Stored items
****************
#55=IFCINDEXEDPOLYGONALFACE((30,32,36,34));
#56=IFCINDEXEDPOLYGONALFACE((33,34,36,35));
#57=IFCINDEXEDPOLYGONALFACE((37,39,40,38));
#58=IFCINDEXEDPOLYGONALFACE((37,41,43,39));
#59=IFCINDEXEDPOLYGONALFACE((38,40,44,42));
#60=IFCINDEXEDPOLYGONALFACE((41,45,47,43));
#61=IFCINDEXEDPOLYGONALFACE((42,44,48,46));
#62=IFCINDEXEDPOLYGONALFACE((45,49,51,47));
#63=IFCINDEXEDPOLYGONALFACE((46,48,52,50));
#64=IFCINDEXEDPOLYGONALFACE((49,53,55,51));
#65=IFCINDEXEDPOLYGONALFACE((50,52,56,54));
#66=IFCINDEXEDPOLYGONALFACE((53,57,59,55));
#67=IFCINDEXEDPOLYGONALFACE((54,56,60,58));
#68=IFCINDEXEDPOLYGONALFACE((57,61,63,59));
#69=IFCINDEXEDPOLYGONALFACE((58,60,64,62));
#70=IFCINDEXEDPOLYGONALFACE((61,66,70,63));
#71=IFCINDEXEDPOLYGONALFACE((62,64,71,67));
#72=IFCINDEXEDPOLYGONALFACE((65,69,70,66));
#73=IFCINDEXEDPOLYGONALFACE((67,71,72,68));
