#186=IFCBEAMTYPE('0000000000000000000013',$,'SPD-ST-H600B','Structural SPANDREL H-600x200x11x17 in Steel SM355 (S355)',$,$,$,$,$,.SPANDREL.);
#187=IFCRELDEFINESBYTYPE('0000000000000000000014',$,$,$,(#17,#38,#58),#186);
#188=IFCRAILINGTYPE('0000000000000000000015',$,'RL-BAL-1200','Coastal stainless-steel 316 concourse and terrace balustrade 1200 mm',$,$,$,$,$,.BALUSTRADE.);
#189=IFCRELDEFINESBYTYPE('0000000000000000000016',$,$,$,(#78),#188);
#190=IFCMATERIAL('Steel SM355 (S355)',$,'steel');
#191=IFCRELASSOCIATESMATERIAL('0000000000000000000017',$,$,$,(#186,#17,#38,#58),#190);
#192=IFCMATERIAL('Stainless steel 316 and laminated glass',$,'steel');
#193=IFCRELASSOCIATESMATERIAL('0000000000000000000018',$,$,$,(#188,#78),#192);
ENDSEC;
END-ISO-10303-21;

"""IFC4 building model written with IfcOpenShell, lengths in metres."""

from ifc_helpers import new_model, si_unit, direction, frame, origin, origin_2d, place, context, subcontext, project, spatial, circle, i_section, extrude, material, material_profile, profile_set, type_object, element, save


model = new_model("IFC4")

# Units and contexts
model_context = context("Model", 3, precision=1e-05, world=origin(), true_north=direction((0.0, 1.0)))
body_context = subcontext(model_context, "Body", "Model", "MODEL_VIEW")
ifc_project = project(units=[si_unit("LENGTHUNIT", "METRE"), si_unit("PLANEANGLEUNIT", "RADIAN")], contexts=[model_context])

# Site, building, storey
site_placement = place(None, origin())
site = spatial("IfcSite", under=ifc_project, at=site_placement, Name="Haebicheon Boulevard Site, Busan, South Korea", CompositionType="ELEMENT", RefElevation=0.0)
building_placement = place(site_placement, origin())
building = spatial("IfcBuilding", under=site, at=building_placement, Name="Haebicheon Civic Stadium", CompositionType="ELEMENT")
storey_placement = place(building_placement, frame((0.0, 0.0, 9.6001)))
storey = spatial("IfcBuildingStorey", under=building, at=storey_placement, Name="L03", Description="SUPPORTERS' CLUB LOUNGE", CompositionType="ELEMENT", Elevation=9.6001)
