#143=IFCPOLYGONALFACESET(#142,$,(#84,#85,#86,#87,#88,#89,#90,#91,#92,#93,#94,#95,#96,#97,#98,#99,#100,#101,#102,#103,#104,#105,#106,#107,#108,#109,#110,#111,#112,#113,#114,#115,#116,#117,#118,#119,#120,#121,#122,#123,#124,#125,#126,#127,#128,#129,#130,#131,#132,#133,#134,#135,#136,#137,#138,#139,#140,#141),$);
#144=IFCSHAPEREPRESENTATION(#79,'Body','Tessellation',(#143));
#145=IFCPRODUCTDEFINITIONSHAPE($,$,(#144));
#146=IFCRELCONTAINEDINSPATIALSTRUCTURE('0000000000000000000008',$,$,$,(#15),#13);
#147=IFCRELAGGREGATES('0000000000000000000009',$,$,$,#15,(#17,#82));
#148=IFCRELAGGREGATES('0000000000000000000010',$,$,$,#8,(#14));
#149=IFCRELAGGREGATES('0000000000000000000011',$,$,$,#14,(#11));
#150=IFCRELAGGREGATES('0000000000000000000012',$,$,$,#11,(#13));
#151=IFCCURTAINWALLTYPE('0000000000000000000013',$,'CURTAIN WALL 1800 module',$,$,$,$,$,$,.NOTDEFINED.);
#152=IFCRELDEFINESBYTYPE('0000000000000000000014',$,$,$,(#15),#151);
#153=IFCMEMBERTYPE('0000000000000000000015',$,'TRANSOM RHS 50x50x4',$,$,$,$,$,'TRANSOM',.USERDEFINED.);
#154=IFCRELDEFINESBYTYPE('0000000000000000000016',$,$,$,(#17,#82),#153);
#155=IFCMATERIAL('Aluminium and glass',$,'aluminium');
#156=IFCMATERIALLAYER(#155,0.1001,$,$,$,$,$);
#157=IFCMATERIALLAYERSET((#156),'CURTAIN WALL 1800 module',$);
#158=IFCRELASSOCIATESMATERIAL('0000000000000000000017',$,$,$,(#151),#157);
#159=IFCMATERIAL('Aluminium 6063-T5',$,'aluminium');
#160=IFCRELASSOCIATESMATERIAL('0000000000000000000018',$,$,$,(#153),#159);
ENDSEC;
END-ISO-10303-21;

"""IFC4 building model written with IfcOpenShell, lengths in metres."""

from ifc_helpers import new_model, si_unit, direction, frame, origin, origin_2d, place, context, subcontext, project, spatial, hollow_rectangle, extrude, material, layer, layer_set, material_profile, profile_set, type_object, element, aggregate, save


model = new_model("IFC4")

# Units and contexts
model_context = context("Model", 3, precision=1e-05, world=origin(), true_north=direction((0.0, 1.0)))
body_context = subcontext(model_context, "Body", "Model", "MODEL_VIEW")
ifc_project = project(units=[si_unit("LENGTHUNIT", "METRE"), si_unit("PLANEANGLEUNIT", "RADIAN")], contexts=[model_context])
****************
* [What you have to do] Write out every entry once more, precisely as it stands.

* [Answer space]
#55=IFCINDEXEDPOLYGONALFACE((30,32,36,34));
#56=IFCINDEXEDPOLYGONALFACE((33,34,36,35));
#57=IFCINDEXEDPOLYGONALFACE((37,39,40,38));
#58=IFCINDEXEDPOLYGONALFACE((37,41,43,39));
#59=IFCINDEXEDPOLYGONALFACE((38,40,44,42));
#60=IFCINDEXEDPOLYGONALFACE((41,45,47,43));
#61=IFCINDEXEDPOLYGONALFACE((42,44,48,46));
#62=IFCINDEXEDPOLYGONALFACE((45,49,51,47));
#63=IFCINDEXEDPOLYGONALFACE((46,48,52,50));
#64=IFCINDEXEDPOLYGONALFACE((49,53,55,51));
#65=IFCINDEXEDPOLYGONALFACE((50,52,56,54));
#66=IFCINDEXEDPOLYGONALFACE((53,57,59,55));
#67=IFCINDEXEDPOLYGONALFACE((54,56,60,58));
#68=IFCINDEXEDPOLYGONALFACE((57,61,63,59));
#69=IFCINDEXEDPOLYGONALFACE((58,60,64,62));
#70=IFCINDEXEDPOLYGONALFACE((61,66,70,63));
#71=IFCINDEXEDPOLYGONALFACE((62,64,71,67));
#72=IFCINDEXEDPOLYGONALFACE((65,69,70,66));
#73=IFCINDEXEDPOLYGONALFACE((67,71,72,68));
#186=IFCBEAMTYPE('0000000000000000000013',$,'SPD-ST-H600B','Structural SPANDREL H-600x200x11x17 in Steel SM355 (S355)',$,$,$,$,$,.SPANDREL.);
#187=IFCRELDEFINESBYTYPE('0000000000000000000014',$,$,$,(#17,#38,#58),#186);
#188=IFCRAILINGTYPE('0000000000000000000015',$,'RL-BAL-1200','Coastal stainless-steel 316 concourse and terrace balustrade 1200 mm',$,$,$,$,$,.BALUSTRADE.);
#189=IFCRELDEFINESBYTYPE('0000000000000000000016',$,$,$,(#78),#188);
#190=IFCMATERIAL('Steel SM355 (S355)',$,'steel');
#191=IFCRELASSOCIATESMATERIAL('0000000000000000000017',$,$,$,(#186,#17,#38,#58),#190);
#192=IFCMATERIAL('Stainless steel 316 and laminated glass',$,'steel');
#193=IFCRELASSOCIATESMATERIAL('0000000000000000000018',$,$,$,(#188,#78),#192);
ENDSEC;
END-ISO-10303-21;

"""IFC4 building model written with IfcOpenShell, lengths in metres."""

from ifc_helpers import new_model, si_unit, direction, frame, origin, origin_2d, place, context, subcontext, project, spatial, circle, i_section, extrude, material, material_profile, profile_set, type_object, element, save


model = new_model("IFC4")

# Units and contexts
model_context = context("Model", 3, precision=1e-05, world=origin(), true_north=direction((0.0, 1.0)))
body_context = subcontext(model_context, "Body", "Model", "MODEL_VIEW")
ifc_project = project(units=[si_unit("LENGTHUNIT", "METRE"), si_unit("PLANEANGLEUNIT", "RADIAN")], contexts=[model_context])

# Site, building, storey
site_placement = place(None, origin())
site = spatial("IfcSite", under=ifc_project, at=site_placement, Name="Haebicheon Boulevard Site, Busan, South Korea", CompositionType="ELEMENT", RefElevation=0.0)
building_placement = place(site_placement, origin())
building = spatial("IfcBuilding", under=site, at=building_placement, Name="Haebicheon Civic Stadium", CompositionType="ELEMENT")
storey_placement = place(building_placement, frame((0.0, 0.0, 9.6001)))
storey = spatial("IfcBuildingStorey", under=building, at=storey_placement, Name="L03", Description="SUPPORTERS' CLUB LOUNGE", CompositionType="ELEMENT", Elevation=9.6001)
#143=IFCPOLYGONALFACESET(#142,$,(#84,#85,#86,#87,#88,#89,#90,#91,#92,#93,#94,#95,#96,#97,#98,#99,#100,#101,#102,#103,#104,#105,#106,#107,#108,#109,#110,#111,#112,#113,#114,#115,#116,#117,#118,#119,#120,#121,#122,#123,#124,#125,#126,#127,#128,#129,#130,#131,#132,#133,#134,#135,#136,#137,#138,#139,#140,#141),$);
#144=IFCSHAPEREPRESENTATION(#79,'Body','Tessellation',(#143));
#145=IFCPRODUCTDEFINITIONSHAPE($,$,(#144));
#146=IFCRELCONTAINEDINSPATIALSTRUCTURE('0000000000000000000008',$,$,$,(#15),#13);
#147=IFCRELAGGREGATES('0000000000000000000009',$,$,$,#15,(#17,#82));
#148=IFCRELAGGREGATES('0000000000000000000010',$,$,$,#8,(#14));
#149=IFCRELAGGREGATES('0000000000000000000011',$,$,$,#14,(#11));
#150=IFCRELAGGREGATES('0000000000000000000012',$,$,$,#11,(#13));
#151=IFCCURTAINWALLTYPE('0000000000000000000013',$,'CURTAIN WALL 1800 module',$,$,$,$,$,$,.NOTDEFINED.);
#152=IFCRELDEFINESBYTYPE('0000000000000000000014',$,$,$,(#15),#151);
#153=IFCMEMBERTYPE('0000000000000000000015',$,'TRANSOM RHS 50x50x4',$,$,$,$,$,'TRANSOM',.USERDEFINED.);
#154=IFCRELDEFINESBYTYPE('0000000000000000000016',$,$,$,(#17,#82),#153);
#155=IFCMATERIAL('Aluminium and glass',$,'aluminium');
#156=IFCMATERIALLAYER(#155,0.1001,$,$,$,$,$);
#157=IFCMATERIALLAYERSET((#156),'CURTAIN WALL 1800 module',$);
#158=IFCRELASSOCIATESMATERIAL('0000000000000000000017',$,$,$,(#151),#157);
#159=IFCMATERIAL('Aluminium 6063-T5',$,'aluminium');
#160=IFCRELASSOCIATESMATERIAL('0000000000000000000018',$,$,$,(#153),#159);
ENDSEC;
END-ISO-10303-21;

"""IFC4 building model written with IfcOpenShell, lengths in metres."""

from ifc_helpers import new_model, si_unit, direction, frame, origin, origin_2d, place, context, subcontext, project, spatial, hollow_rectangle, extrude, material, layer, layer_set, material_profile, profile_set, type_object, element, aggregate, save


model = new_model("IFC4")

# Units and contexts
model_context = context("Model", 3, precision=1e-05, world=origin(), true_north=direction((0.0, 1.0)))
body_context = subcontext(model_context, "Body", "Model", "MODEL_VIEW")
ifc_project = project(units=[si_unit("LENGTHUNIT", "METRE"), si_unit("PLANEANGLEUNIT", "RADIAN")], contexts=[model_context])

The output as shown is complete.